> Work to be completed:
Read the records and write them out again exactly.

> Provided records:
+ + +
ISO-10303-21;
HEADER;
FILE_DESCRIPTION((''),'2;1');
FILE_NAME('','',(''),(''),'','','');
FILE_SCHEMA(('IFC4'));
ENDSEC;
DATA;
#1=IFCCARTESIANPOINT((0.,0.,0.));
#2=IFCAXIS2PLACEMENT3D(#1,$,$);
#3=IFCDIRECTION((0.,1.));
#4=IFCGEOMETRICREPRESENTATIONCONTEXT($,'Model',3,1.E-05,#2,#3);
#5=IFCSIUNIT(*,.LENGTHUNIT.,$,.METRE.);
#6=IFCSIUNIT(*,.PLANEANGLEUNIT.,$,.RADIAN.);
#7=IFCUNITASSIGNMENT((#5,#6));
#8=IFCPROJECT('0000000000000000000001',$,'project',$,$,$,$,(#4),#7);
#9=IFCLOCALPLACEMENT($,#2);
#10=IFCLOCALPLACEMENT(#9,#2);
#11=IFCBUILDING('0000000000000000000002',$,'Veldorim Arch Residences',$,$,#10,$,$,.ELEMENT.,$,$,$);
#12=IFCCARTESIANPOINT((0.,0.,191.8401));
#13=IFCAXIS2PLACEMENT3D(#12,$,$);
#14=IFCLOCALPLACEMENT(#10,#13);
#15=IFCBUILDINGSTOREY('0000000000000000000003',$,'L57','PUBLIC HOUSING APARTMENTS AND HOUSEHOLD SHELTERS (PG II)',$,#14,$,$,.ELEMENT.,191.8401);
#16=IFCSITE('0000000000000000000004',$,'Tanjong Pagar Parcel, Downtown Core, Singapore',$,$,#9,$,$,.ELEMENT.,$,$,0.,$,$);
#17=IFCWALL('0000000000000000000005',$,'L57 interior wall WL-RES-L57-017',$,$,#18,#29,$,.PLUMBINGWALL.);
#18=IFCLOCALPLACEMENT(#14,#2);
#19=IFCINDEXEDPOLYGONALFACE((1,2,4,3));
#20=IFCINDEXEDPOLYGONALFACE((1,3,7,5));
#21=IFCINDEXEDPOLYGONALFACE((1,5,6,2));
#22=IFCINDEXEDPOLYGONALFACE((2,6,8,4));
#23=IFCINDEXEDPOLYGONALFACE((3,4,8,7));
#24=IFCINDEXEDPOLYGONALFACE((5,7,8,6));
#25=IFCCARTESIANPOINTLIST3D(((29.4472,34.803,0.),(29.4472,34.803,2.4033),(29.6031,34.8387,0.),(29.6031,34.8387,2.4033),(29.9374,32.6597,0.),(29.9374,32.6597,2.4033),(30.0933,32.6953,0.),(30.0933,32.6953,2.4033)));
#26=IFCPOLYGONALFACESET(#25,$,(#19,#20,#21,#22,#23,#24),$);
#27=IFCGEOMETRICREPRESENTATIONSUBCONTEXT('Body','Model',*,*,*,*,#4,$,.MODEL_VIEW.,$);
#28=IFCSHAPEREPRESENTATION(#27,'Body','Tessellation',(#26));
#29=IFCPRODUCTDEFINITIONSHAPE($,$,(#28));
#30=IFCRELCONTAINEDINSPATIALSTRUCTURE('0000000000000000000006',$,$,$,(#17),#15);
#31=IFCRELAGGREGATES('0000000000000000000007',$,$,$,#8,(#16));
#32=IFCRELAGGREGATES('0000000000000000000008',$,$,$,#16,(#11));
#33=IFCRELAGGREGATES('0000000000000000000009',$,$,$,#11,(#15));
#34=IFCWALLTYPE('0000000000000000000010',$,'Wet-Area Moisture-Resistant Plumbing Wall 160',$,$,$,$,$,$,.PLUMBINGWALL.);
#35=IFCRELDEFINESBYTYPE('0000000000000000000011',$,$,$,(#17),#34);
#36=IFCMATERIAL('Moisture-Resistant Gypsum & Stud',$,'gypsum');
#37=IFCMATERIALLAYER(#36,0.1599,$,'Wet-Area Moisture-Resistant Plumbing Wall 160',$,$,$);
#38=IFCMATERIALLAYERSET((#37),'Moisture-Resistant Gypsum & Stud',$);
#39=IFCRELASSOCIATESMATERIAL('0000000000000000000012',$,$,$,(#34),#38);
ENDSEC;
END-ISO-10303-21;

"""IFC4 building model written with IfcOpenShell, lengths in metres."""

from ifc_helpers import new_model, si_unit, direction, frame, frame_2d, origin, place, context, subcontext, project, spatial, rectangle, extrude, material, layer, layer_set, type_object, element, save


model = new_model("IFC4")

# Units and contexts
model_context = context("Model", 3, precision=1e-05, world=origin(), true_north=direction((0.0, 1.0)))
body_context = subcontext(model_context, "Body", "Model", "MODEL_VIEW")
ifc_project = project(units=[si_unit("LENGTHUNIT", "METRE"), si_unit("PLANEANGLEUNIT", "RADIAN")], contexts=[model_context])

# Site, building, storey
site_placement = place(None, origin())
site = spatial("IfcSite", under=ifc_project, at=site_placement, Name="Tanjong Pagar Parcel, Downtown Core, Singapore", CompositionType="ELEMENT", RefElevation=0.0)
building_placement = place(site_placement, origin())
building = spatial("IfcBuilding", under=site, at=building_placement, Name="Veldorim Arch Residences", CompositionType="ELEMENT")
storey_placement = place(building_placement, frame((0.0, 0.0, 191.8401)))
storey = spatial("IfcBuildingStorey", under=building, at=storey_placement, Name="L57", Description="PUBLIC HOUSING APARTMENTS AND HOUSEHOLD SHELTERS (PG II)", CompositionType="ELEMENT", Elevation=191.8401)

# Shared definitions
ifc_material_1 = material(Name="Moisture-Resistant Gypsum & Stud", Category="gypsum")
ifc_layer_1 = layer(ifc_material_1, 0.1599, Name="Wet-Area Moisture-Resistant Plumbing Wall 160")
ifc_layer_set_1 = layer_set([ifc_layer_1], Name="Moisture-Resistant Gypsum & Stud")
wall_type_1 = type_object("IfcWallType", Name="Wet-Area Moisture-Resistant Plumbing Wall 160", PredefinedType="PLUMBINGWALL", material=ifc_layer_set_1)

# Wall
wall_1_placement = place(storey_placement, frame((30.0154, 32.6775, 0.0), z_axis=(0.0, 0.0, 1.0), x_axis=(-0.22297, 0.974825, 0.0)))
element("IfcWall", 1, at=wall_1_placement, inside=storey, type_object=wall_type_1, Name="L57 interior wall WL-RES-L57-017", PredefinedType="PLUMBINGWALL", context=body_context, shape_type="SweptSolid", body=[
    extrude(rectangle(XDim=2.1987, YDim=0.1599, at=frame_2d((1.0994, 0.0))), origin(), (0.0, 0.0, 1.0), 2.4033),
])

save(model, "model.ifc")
+ + +
> Written response:
ISO-10303-21;
HEADER;
FILE_DESCRIPTION((''),'2;1');
FILE_NAME('','',(''),(''),'','','');
FILE_SCHEMA(('IFC4'));
ENDSEC;
DATA;
#1=IFCCARTESIANPOINT((0.,0.,0.));
#2=IFCAXIS2PLACEMENT3D(#1,$,$);
#3=IFCDIRECTION((0.,1.));
#4=IFCGEOMETRICREPRESENTATIONCONTEXT($,'Model',3,1.E-05,#2,#3);
#5=IFCSIUNIT(*,.LENGTHUNIT.,$,.METRE.);
#6=IFCSIUNIT(*,.PLANEANGLEUNIT.,$,.RADIAN.);
#7=IFCUNITASSIGNMENT((#5,#6));
#8=IFCPROJECT('0000000000000000000001',$,'project',$,$,$,$,(#4),#7);
#9=IFCLOCALPLACEMENT($,#2);
#10=IFCLOCALPLACEMENT(#9,#2);
#11=IFCBUILDING('0000000000000000000002',$,'Veldorim Arch Residences',$,$,#10,$,$,.ELEMENT.,$,$,$);
#12=IFCCARTESIANPOINT((0.,0.,191.8401));
#13=IFCAXIS2PLACEMENT3D(#12,$,$);
#14=IFCLOCALPLACEMENT(#10,#13);
#15=IFCBUILDINGSTOREY('0000000000000000000003',$,'L57','PUBLIC HOUSING APARTMENTS AND HOUSEHOLD SHELTERS (PG II)',$,#14,$,$,.ELEMENT.,191.8401);
#16=IFCSITE('0000000000000000000004',$,'Tanjong Pagar Parcel, Downtown Core, Singapore',$,$,#9,$,$,.ELEMENT.,$,$,0.,$,$);
#17=IFCWALL('0000000000000000000005',$,'L57 interior wall WL-RES-L57-017',$,$,#18,#29,$,.PLUMBINGWALL.);
#18=IFCLOCALPLACEMENT(#14,#2);
#19=IFCINDEXEDPOLYGONALFACE((1,2,4,3));
#20=IFCINDEXEDPOLYGONALFACE((1,3,7,5));
#21=IFCINDEXEDPOLYGONALFACE((1,5,6,2));
#22=IFCINDEXEDPOLYGONALFACE((2,6,8,4));
#23=IFCINDEXEDPOLYGONALFACE((3,4,8,7));
#24=IFCINDEXEDPOLYGONALFACE((5,7,8,6));
#25=IFCCARTESIANPOINTLIST3D(((29.4472,34.803,0.),(29.4472,34.803,2.4033),(29.6031,34.8387,0.),(29.6031,34.8387,2.4033),(29.9374,32.6597,0.),(29.9374,32.6597,2.4033),(30.0933,32.6953,0.),(30.0933,32.6953,2.4033)));
#26=IFCPOLYGONALFACESET(#25,$,(#19,#20,#21,#22,#23,#24),$);
#27=IFCGEOMETRICREPRESENTATIONSUBCONTEXT('Body','Model',*,*,*,*,#4,$,.MODEL_VIEW.,$);
#28=IFCSHAPEREPRESENTATION(#27,'Body','Tessellation',(#26));
#29=IFCPRODUCTDEFINITIONSHAPE($,$,(#28));
#30=IFCRELCONTAINEDINSPATIALSTRUCTURE('0000000000000000000006',$,$,$,(#17),#15);
#31=IFCRELAGGREGATES('0000000000000000000007',$,$,$,#8,(#16));
#32=IFCRELAGGREGATES('0000000000000000000008',$,$,$,#16,(#11));
#33=IFCRELAGGREGATES('0000000000000000000009',$,$,$,#11,(#15));
#34=IFCWALLTYPE('0000000000000000000010',$,'Wet-Area Moisture-Resistant Plumbing Wall 160',$,$,$,$,$,$,.PLUMBINGWALL.);
#35=IFCRELDEFINESBYTYPE('0000000000000000000011',$,$,$,(#17),#34);
#36=IFCMATERIAL('Moisture-Resistant Gypsum & Stud',$,'gypsum');
#37=IFCMATERIALLAYER(#36,0.1599,$,'Wet-Area Moisture-Resistant Plumbing Wall 160',$,$,$);
#38=IFCMATERIALLAYERSET((#37),'Moisture-Resistant Gypsum & Stud',$);
#39=IFCRELASSOCIATESMATERIAL('0000000000000000000012',$,$,$,(#34),#38);
ENDSEC;
END-ISO-10303-21;

"""IFC4 building model written with IfcOpenShell, lengths in metres."""

from ifc_helpers import new_model, si_unit, direction, frame, frame_2d, origin, place, context, subcontext, project, spatial, rectangle, extrude, material, layer, layer_set, type_object, element, save


model = new_model("IFC4")

# Units and contexts
model_context = context("Model", 3, precision=1e-05, world=origin(), true_north=direction((0.0, 1.0)))
body_context = subcontext(model_context, "Body", "Model", "MODEL_VIEW")
ifc_project = project(units=[si_unit("LENGTHUNIT", "METRE"), si_unit("PLANEANGLEUNIT", "RADIAN")], contexts=[model_context])

# Site, building, storey
site_placement = place(None, origin())
site = spatial("IfcSite", under=ifc_project, at=site_placement, Name="Tanjong Pagar Parcel, Downtown Core, Singapore", CompositionType="ELEMENT", RefElevation=0.0)
building_placement = place(site_placement, origin())
building = spatial("IfcBuilding", under=site, at=building_placement, Name="Veldorim Arch Residences", CompositionType="ELEMENT")
storey_placement = place(building_placement, frame((0.0, 0.0, 191.8401)))
storey = spatial("IfcBuildingStorey", under=building, at=storey_placement, Name="L57", Description="PUBLIC HOUSING APARTMENTS AND HOUSEHOLD SHELTERS (PG II)", CompositionType="ELEMENT", Elevation=191.8401)

# Shared definitions
ifc_material_1 = material(Name="Moisture-Resistant Gypsum & Stud", Category="gypsum")
ifc_layer_1 = layer(ifc_material_1, 0.1599, Name="Wet-Area Moisture-Resistant Plumbing Wall 160")
ifc_layer_set_1 = layer_set([ifc_layer_1], Name="Moisture-Resistant Gypsum & Stud")
wall_type_1 = type_object("IfcWallType", Name="Wet-Area Moisture-Resistant Plumbing Wall 160", PredefinedType="PLUMBINGWALL", material=ifc_layer_set_1)

# Wall
wall_1_placement = place(storey_placement, frame((30.0154, 32.6775, 0.0), z_axis=(0.0, 0.0, 1.0), x_axis=(-0.22297, 0.974825, 0.0)))
element("IfcWall", 1, at=wall_1_placement, inside=storey, type_object=wall_type_1, Name="L57 interior wall WL-RES-L57-017", PredefinedType="PLUMBINGWALL", context=body_context, shape_type="SweptSolid", body=[
    extrude(rectangle(XDim=2.1987, YDim=0.1599, at=frame_2d((1.0994, 0.0))), origin(), (0.0, 0.0, 1.0), 2.4033),
])

save(model, "model.ifc")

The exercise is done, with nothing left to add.